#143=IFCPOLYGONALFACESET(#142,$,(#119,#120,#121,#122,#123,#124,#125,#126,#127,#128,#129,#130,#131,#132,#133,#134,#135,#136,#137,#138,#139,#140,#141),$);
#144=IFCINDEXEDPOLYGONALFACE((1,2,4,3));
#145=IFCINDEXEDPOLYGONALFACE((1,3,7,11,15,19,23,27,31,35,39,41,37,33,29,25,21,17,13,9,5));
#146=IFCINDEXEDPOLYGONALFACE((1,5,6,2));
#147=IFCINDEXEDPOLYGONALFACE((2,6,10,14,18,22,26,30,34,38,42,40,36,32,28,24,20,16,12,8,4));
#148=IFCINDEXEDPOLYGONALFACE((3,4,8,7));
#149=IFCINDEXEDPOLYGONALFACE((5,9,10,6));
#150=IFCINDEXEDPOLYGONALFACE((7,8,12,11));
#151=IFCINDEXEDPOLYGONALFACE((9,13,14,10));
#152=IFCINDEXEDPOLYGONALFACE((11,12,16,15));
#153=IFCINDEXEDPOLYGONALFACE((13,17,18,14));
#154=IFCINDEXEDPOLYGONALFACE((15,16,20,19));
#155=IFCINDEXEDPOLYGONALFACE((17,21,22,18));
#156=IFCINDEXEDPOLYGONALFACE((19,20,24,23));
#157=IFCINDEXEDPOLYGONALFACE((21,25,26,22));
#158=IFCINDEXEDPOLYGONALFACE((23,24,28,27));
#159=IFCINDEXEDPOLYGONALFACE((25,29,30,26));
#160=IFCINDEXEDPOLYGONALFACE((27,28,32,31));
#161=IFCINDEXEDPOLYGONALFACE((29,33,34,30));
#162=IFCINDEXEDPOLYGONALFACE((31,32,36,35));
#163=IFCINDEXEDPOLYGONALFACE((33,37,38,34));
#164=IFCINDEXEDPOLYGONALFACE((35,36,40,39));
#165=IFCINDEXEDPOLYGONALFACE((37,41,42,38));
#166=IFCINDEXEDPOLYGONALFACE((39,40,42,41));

○ ○ ○ ○

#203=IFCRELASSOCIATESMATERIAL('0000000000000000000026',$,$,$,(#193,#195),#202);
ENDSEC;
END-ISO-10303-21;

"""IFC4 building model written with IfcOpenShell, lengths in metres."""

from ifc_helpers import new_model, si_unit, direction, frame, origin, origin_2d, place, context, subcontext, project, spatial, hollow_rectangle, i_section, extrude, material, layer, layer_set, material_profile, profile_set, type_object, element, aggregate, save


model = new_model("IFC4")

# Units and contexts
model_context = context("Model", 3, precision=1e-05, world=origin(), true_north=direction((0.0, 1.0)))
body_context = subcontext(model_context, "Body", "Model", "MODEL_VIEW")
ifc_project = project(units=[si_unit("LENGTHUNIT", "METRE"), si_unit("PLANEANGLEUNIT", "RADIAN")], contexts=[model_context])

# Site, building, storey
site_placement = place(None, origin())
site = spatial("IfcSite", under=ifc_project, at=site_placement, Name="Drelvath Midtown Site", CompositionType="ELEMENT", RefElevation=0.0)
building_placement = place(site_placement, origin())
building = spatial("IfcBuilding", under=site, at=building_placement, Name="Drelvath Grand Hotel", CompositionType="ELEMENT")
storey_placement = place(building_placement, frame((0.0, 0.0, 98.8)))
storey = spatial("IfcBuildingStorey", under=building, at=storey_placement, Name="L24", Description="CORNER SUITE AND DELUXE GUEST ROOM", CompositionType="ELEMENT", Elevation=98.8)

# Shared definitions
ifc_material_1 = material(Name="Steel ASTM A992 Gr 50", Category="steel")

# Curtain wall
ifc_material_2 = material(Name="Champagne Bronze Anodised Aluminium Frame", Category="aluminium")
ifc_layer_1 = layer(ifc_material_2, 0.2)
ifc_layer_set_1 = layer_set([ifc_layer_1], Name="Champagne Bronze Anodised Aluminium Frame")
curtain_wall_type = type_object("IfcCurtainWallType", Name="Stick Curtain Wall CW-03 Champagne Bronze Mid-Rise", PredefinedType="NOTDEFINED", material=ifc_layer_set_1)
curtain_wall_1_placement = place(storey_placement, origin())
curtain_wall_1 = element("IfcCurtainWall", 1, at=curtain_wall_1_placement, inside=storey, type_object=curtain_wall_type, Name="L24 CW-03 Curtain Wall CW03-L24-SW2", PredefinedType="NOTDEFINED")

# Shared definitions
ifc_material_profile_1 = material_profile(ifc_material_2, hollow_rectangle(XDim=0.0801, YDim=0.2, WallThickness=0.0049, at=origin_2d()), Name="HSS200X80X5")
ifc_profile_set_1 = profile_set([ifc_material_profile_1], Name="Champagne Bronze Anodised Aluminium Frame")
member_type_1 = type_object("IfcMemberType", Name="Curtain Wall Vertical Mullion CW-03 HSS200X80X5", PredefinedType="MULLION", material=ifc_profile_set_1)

○ ○ ○ ○

> [What to produce]:
Given the records above, return exactly the lines starting at the line containing "Curtain Wall CW-03" and ending at the line containing "curtain_wall_1_placement = place(storey_placement, origin())", including both.

> [Result for this task]:
curtain_wall_type = type_object("IfcCurtainWallType", Name="Stick Curtain Wall CW-03 Champagne Bronze Mid-Rise", PredefinedType="NOTDEFINED", material=ifc_layer_set_1)
curtain_wall_1_placement = place(storey_placement, origin())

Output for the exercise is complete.